◆ PROBLEM STATEMENT
Reproduce, from the lines below, exactly the stretch that begins at the line containing "#125=IFCINDEXEDPOLYGONALFACE((1,5,21,17));" and ends at the line containing "#141=IFCPRODUCTDEFINITIONSHAPE($,$,(#140));", both included.
========
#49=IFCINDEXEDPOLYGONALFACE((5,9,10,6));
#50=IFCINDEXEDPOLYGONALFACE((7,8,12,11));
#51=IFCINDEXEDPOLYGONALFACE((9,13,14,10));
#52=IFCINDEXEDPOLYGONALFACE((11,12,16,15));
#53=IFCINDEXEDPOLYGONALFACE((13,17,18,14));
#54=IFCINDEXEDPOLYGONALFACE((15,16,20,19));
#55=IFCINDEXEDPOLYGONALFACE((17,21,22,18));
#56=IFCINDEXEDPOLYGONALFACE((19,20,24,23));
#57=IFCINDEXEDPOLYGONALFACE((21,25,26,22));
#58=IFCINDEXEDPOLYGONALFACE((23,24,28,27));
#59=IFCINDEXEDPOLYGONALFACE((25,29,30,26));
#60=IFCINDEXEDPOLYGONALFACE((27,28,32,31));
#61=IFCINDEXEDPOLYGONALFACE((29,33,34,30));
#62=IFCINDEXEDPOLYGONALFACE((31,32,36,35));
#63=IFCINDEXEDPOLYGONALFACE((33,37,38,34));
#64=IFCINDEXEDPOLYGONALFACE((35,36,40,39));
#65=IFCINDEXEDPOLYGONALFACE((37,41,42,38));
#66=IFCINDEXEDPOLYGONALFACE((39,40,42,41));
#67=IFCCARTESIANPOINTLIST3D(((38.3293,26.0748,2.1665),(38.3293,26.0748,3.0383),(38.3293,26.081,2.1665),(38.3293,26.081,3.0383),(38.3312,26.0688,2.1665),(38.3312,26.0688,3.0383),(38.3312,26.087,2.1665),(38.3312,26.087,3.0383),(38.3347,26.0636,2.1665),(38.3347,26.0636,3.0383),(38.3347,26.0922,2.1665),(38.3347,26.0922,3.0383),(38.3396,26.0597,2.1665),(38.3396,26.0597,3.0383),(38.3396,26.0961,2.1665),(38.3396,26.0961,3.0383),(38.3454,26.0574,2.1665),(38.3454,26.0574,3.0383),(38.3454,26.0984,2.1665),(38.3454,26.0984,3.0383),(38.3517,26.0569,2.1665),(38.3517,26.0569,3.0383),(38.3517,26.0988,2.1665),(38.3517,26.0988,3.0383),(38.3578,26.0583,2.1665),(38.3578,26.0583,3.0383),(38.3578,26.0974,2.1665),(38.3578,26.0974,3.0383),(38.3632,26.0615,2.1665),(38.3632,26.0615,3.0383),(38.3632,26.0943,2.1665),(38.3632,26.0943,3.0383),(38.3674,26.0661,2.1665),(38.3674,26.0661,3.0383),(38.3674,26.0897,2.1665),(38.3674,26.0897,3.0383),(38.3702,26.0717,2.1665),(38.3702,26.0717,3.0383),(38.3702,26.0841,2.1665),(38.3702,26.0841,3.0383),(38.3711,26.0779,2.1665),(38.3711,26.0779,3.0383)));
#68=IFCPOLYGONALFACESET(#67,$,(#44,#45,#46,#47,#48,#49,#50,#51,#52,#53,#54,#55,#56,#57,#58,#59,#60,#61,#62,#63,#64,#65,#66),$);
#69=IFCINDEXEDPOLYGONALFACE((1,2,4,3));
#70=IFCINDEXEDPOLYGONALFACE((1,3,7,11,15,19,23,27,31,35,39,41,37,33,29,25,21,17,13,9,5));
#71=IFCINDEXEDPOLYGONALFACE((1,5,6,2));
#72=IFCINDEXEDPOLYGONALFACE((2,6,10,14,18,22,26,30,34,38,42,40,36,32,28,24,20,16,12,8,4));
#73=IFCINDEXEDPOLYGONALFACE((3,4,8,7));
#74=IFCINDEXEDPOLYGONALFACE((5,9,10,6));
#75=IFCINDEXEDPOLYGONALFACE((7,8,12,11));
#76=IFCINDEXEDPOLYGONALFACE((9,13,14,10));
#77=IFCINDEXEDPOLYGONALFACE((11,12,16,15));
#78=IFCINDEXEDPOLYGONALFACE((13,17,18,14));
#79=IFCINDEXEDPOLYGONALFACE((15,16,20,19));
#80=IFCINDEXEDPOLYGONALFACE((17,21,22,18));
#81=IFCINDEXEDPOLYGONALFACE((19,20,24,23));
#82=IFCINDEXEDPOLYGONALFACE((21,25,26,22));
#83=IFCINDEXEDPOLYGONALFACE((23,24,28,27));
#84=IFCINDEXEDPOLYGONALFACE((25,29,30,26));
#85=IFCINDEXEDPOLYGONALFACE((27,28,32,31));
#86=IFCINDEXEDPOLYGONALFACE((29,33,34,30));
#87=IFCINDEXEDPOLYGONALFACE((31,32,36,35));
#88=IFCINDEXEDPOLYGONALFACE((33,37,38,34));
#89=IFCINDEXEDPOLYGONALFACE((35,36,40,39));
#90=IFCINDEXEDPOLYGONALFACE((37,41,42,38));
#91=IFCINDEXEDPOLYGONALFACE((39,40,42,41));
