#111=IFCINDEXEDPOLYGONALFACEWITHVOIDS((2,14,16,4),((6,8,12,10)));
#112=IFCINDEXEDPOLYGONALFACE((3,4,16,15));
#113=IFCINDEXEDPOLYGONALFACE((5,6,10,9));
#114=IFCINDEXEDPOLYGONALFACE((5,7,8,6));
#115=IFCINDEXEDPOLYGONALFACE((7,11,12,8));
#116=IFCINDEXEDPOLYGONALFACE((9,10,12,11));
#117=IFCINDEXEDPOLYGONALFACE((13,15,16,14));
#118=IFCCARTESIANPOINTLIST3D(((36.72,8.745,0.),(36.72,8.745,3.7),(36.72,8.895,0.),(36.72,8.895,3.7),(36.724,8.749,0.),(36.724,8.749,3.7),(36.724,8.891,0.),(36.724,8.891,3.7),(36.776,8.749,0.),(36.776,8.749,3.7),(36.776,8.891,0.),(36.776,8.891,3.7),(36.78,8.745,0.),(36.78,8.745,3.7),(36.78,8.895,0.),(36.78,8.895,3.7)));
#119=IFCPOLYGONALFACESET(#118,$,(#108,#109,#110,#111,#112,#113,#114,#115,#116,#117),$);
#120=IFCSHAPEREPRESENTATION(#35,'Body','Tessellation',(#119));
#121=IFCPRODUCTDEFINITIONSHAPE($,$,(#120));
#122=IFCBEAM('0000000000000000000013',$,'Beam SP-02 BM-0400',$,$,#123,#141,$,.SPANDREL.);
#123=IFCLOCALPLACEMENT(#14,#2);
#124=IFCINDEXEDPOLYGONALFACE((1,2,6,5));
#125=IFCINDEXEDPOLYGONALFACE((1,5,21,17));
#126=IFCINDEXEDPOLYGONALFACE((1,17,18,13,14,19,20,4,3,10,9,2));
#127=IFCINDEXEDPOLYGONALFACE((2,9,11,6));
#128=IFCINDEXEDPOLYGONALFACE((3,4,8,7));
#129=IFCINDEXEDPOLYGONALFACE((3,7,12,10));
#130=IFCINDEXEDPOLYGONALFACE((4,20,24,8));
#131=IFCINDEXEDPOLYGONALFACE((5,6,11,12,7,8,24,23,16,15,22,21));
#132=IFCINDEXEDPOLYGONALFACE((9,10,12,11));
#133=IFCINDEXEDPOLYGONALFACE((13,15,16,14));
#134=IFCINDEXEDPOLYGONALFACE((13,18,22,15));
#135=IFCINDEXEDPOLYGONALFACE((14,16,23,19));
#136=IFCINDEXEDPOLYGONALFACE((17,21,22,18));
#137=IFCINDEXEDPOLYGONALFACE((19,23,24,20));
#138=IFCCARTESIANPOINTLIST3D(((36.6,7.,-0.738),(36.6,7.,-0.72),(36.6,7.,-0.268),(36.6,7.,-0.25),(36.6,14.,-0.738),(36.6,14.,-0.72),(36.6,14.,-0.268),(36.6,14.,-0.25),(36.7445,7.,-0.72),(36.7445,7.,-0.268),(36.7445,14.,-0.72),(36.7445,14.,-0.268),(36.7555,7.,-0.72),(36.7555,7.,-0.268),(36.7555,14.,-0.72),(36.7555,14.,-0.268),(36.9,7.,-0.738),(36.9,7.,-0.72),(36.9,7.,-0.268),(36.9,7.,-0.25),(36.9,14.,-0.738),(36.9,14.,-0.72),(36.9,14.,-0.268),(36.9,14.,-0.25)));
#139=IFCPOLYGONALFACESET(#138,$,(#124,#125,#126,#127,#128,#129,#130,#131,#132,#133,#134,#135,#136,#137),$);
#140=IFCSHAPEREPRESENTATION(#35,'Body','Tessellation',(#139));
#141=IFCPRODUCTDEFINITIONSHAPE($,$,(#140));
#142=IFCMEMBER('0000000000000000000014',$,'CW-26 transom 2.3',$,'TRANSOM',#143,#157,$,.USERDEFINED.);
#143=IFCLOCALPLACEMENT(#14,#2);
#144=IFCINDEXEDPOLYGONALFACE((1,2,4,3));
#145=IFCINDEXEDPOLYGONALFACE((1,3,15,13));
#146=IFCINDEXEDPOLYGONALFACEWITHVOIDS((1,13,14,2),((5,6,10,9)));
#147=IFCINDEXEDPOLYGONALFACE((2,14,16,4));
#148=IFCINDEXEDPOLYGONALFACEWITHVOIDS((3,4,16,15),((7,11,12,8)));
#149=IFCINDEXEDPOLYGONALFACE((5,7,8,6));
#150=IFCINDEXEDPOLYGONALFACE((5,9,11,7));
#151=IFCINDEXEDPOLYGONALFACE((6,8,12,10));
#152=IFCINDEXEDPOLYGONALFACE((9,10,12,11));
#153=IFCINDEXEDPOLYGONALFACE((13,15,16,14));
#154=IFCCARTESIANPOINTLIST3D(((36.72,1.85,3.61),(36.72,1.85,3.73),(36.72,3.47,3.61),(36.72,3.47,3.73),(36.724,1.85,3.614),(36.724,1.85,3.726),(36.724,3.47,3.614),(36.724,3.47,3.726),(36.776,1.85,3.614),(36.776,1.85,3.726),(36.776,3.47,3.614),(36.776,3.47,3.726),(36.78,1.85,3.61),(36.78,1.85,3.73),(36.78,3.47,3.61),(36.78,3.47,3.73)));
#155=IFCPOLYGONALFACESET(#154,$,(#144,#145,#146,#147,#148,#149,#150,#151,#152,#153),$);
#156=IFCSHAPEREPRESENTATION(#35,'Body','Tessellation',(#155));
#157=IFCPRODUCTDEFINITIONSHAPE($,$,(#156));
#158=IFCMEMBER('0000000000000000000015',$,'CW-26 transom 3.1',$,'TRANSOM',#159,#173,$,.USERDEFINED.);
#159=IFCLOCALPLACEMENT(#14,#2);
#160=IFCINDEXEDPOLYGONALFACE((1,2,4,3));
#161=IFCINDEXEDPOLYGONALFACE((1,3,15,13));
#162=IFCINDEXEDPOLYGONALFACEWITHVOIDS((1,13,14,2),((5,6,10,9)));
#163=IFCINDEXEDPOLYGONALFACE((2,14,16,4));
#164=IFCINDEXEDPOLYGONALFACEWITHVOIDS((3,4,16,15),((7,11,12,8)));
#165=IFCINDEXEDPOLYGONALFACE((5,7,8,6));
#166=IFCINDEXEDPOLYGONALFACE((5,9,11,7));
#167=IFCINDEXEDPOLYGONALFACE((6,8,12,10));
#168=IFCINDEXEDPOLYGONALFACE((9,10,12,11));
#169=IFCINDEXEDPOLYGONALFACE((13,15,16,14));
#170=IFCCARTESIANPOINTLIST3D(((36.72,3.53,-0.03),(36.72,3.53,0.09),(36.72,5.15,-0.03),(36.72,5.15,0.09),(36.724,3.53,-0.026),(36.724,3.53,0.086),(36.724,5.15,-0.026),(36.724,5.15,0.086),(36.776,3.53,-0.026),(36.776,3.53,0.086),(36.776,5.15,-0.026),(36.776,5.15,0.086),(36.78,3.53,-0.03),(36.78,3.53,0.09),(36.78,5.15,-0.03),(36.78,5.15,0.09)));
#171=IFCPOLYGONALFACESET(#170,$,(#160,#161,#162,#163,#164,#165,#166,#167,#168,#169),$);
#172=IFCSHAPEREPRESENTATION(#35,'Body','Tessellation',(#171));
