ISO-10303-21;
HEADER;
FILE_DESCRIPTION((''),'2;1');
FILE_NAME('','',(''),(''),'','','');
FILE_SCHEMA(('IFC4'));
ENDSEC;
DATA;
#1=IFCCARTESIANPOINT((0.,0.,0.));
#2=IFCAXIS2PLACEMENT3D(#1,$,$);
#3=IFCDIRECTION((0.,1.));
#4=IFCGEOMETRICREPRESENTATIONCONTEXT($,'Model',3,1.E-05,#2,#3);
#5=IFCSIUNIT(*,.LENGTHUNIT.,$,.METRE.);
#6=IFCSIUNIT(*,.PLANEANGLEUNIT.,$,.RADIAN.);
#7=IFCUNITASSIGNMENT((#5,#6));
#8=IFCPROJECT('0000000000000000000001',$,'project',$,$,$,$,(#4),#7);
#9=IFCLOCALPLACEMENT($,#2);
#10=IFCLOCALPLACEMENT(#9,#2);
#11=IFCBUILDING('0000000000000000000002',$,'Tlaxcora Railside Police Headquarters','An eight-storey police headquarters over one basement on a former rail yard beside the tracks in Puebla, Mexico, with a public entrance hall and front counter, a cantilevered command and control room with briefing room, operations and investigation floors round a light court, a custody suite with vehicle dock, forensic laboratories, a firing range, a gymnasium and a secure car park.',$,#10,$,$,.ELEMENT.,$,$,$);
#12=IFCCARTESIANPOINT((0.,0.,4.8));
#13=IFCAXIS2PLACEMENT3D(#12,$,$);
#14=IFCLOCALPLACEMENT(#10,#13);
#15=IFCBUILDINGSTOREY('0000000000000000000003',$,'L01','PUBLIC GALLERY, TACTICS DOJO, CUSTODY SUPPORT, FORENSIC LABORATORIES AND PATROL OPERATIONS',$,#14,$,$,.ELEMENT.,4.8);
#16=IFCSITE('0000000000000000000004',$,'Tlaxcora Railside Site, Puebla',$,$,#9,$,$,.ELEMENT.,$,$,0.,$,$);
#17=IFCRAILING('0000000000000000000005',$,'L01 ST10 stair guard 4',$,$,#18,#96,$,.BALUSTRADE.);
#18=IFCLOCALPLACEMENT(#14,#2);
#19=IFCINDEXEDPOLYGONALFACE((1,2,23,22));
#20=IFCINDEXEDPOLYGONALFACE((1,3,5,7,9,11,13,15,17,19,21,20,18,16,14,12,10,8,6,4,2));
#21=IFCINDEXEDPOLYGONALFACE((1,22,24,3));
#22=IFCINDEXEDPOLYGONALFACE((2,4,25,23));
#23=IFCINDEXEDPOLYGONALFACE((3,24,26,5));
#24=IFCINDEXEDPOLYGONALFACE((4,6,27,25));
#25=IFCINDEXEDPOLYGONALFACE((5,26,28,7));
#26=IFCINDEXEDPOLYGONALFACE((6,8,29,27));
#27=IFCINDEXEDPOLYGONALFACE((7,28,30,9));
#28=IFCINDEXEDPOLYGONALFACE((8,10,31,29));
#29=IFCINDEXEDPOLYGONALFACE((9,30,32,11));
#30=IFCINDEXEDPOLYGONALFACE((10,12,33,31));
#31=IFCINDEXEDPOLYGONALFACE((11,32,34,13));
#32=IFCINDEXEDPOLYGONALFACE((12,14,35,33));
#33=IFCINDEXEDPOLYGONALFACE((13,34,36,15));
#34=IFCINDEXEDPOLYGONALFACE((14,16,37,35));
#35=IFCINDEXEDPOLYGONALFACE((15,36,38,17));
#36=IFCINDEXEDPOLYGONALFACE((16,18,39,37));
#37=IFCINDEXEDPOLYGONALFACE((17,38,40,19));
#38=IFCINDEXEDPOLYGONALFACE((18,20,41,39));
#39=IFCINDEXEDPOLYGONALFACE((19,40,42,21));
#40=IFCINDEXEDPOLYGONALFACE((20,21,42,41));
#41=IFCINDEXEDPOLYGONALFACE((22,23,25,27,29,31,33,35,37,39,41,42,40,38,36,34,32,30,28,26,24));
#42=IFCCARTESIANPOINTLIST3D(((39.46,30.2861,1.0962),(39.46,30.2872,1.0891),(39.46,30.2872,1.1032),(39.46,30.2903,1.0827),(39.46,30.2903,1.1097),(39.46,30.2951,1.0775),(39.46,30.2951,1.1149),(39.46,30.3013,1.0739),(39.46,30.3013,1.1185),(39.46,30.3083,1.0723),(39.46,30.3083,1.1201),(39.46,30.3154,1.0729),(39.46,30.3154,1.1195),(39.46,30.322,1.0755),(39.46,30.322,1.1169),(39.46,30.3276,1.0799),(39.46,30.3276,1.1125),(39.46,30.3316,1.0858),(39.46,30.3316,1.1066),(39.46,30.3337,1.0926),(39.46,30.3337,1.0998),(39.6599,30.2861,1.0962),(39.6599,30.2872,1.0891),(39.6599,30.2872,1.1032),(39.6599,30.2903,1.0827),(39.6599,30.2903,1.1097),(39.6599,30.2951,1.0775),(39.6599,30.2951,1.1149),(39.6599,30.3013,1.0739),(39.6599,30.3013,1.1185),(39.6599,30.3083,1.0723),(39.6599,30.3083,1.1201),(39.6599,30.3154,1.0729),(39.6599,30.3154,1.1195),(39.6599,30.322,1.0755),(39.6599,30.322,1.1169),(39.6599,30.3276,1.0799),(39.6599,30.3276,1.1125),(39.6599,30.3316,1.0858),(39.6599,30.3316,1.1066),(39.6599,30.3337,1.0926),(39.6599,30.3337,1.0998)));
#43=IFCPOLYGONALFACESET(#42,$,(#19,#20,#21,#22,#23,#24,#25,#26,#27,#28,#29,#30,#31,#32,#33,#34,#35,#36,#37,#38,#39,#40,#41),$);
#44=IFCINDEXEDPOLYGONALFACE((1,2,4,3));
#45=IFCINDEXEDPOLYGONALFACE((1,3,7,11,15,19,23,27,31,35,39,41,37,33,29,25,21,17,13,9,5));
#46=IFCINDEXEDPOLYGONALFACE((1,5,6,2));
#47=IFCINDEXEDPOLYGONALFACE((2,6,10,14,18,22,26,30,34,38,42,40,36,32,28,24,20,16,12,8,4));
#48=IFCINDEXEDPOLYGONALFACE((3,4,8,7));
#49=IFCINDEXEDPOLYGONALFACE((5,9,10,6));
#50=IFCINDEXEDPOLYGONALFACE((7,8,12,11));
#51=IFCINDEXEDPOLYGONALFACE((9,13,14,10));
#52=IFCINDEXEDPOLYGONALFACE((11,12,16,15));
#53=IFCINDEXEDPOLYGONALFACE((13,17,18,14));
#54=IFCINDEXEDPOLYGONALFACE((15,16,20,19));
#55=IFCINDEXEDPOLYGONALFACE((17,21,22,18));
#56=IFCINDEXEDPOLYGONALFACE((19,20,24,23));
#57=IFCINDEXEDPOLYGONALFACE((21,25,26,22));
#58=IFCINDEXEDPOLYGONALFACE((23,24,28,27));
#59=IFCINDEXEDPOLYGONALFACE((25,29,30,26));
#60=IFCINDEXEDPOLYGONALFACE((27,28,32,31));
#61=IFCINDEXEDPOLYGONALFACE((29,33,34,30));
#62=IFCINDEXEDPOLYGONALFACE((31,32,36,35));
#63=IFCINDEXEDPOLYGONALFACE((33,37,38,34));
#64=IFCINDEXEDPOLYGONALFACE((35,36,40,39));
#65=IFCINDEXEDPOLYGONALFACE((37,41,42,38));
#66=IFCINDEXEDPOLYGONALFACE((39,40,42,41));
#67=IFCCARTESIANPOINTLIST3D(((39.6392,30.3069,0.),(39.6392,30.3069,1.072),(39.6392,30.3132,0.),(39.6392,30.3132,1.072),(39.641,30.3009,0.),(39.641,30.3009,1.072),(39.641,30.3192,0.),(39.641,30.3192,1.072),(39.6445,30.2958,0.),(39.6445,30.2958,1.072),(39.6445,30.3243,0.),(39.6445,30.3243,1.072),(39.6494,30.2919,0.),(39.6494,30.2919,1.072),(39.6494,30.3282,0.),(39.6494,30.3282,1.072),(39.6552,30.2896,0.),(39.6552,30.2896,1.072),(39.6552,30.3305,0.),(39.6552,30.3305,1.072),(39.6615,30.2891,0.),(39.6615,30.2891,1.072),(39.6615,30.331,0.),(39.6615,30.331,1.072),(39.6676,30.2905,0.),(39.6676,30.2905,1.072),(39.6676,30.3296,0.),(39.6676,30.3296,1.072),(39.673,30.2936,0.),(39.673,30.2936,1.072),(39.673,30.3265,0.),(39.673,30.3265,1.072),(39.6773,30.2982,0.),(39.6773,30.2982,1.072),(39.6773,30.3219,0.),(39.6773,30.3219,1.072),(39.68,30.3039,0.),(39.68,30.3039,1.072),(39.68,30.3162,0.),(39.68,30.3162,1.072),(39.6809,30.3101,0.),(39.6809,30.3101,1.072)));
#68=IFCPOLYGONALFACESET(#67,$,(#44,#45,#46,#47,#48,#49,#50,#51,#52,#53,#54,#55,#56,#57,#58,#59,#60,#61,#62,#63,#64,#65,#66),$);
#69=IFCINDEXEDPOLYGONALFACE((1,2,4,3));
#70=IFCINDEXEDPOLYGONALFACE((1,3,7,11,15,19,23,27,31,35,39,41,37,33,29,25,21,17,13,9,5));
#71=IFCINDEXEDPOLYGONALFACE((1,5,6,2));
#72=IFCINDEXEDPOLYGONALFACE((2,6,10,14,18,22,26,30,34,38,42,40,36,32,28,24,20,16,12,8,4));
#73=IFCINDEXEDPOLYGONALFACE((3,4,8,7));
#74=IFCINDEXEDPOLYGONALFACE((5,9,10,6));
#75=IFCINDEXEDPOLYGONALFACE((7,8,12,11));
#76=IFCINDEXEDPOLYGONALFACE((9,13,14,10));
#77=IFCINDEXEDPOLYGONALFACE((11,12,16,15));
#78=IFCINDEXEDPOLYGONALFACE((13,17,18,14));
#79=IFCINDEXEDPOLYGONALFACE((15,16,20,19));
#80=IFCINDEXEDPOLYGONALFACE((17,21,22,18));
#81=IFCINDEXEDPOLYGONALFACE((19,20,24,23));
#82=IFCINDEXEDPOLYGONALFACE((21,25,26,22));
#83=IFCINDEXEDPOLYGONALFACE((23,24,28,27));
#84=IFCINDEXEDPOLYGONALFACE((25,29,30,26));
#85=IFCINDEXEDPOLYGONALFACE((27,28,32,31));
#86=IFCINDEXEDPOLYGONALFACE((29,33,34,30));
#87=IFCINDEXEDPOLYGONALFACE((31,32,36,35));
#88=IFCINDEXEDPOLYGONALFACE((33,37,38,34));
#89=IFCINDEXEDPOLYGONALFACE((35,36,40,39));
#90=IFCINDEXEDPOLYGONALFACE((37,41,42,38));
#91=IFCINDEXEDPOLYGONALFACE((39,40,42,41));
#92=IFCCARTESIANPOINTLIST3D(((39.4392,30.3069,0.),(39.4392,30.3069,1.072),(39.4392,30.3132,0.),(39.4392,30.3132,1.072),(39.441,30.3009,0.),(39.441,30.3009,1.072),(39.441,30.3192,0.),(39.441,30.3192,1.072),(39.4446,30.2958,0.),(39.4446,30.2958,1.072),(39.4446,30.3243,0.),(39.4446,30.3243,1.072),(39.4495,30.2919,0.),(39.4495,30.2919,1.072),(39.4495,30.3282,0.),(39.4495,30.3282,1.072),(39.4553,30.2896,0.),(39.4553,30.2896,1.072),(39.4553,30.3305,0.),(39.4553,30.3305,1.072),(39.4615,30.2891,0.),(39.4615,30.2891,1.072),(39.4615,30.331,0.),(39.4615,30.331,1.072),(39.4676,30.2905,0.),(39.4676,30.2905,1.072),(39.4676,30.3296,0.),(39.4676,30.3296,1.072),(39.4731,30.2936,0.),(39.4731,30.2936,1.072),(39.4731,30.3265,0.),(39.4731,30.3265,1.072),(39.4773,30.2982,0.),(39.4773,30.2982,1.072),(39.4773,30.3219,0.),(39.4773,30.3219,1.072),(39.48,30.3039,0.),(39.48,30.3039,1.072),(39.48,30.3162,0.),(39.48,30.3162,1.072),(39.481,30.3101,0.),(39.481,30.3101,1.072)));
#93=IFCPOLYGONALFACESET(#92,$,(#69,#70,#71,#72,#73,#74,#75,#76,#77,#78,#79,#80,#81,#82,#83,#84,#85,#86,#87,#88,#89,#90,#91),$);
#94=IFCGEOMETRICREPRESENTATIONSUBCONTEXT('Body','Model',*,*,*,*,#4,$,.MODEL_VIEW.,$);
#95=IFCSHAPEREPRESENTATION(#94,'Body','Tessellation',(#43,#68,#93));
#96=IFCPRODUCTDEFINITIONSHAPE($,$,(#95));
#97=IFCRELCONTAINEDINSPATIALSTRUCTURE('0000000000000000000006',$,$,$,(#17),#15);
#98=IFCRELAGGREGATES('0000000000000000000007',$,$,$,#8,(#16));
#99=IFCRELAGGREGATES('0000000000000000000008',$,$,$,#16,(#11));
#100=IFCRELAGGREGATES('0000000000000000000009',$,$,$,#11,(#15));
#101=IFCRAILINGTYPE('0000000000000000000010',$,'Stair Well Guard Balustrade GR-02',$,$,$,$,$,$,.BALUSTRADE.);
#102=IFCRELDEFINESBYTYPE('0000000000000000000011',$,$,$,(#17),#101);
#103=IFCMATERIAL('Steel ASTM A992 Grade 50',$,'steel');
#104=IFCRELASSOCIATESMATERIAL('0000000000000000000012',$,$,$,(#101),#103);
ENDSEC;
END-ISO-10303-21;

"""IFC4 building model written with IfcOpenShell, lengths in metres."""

from ifc_helpers import new_model, si_unit, direction, frame, origin, origin_2d, place, context, subcontext, project, spatial, circle, extrude, material, type_object, element, save


model = new_model("IFC4")

# Units and contexts
model_context = context("Model", 3, precision=1e-05, world=origin(), true_north=direction((0.0, 1.0)))
body_context = subcontext(model_context, "Body", "Model", "MODEL_VIEW")
ifc_project = project(units=[si_unit("LENGTHUNIT", "METRE"), si_unit("PLANEANGLEUNIT", "RADIAN")], contexts=[model_context])

# Site, building, storey
site_placement = place(None, origin())
site = spatial("IfcSite", under=ifc_project, at=site_placement, Name="Tlaxcora Railside Site, Puebla", CompositionType="ELEMENT", RefElevation=0.0)
building_placement = place(site_placement, origin())
building = spatial("IfcBuilding", under=site, at=building_placement, Name="Tlaxcora Railside Police Headquarters", Description="An eight-storey police headquarters over one basement on a former rail yard beside the tracks in Puebla, Mexico, with a public entrance hall and front counter, a cantilevered command and control room with briefing room, operations and investigation floors round a light court, a custody suite with vehicle dock, forensic laboratories, a firing range, a gymnasium and a secure car park.", CompositionType="ELEMENT")
storey_placement = place(building_placement, frame((0.0, 0.0, 4.8)))
storey = spatial("IfcBuildingStorey", under=building, at=storey_placement, Name="L01", Description="PUBLIC GALLERY, TACTICS DOJO, CUSTODY SUPPORT, FORENSIC LABORATORIES AND PATROL OPERATIONS", CompositionType="ELEMENT", Elevation=4.8)

# Shared definitions
ifc_material_1 = material(Name="Steel ASTM A992 Grade 50", Category="steel")

# Railing
railing_type_1 = type_object("IfcRailingType", Name="Stair Well Guard Balustrade GR-02", PredefinedType="BALUSTRADE", material=ifc_material_1)
railing_1_placement = place(storey_placement, frame((39.6599, 30.3101, 0.0)))
element("IfcRailing", 1, at=railing_1_placement, inside=storey, type_object=railing_type_1, Name="L01 ST10 stair guard 4", PredefinedType="BALUSTRADE", context=body_context, shape_type="SweptSolid", body=[
    extrude(circle(Radius=0.0239, at=origin_2d()), frame((0.0, 0.0, 1.0962), z_axis=(-1.0, 0.0, 0.0), x_axis=(0.0, -1.0, 0.0)), (0.0, 0.0, 1.0), 0.2),
    extrude(circle(Radius=0.021, at=origin_2d()), origin(), (0.0, 0.0, 1.0), 1.072),
    extrude(circle(Radius=0.021, at=origin_2d()), frame((-0.2, 0.0, 0.0)), (0.0, 0.0, 1.0), 1.072),
])

save(model, "model.ifc")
========
◆ WRITTEN ANSWER
#125=IFCINDEXEDPOLYGONALFACE((1,5,21,17));
#126=IFCINDEXEDPOLYGONALFACE((1,17,18,13,14,19,20,4,3,10,9,2));
#127=IFCINDEXEDPOLYGONALFACE((2,9,11,6));
#128=IFCINDEXEDPOLYGONALFACE((3,4,8,7));
#129=IFCINDEXEDPOLYGONALFACE((3,7,12,10));
#130=IFCINDEXEDPOLYGONALFACE((4,20,24,8));
#131=IFCINDEXEDPOLYGONALFACE((5,6,11,12,7,8,24,23,16,15,22,21));
#132=IFCINDEXEDPOLYGONALFACE((9,10,12,11));
#133=IFCINDEXEDPOLYGONALFACE((13,15,16,14));
#134=IFCINDEXEDPOLYGONALFACE((13,18,22,15));
#135=IFCINDEXEDPOLYGONALFACE((14,16,23,19));
#136=IFCINDEXEDPOLYGONALFACE((17,21,22,18));
#137=IFCINDEXEDPOLYGONALFACE((19,23,24,20));
#138=IFCCARTESIANPOINTLIST3D(((36.6,7.,-0.738),(36.6,7.,-0.72),(36.6,7.,-0.268),(36.6,7.,-0.25),(36.6,14.,-0.738),(36.6,14.,-0.72),(36.6,14.,-0.268),(36.6,14.,-0.25),(36.7445,7.,-0.72),(36.7445,7.,-0.268),(36.7445,14.,-0.72),(36.7445,14.,-0.268),(36.7555,7.,-0.72),(36.7555,7.,-0.268),(36.7555,14.,-0.72),(36.7555,14.,-0.268),(36.9,7.,-0.738),(36.9,7.,-0.72),(36.9,7.,-0.268),(36.9,7.,-0.25),(36.9,14.,-0.738),(36.9,14.,-0.72),(36.9,14.,-0.268),(36.9,14.,-0.25)));
#139=IFCPOLYGONALFACESET(#138,$,(#124,#125,#126,#127,#128,#129,#130,#131,#132,#133,#134,#135,#136,#137),$);
#140=IFCSHAPEREPRESENTATION(#35,'Body','Tessellation',(#139));
#141=IFCPRODUCTDEFINITIONSHAPE($,$,(#140));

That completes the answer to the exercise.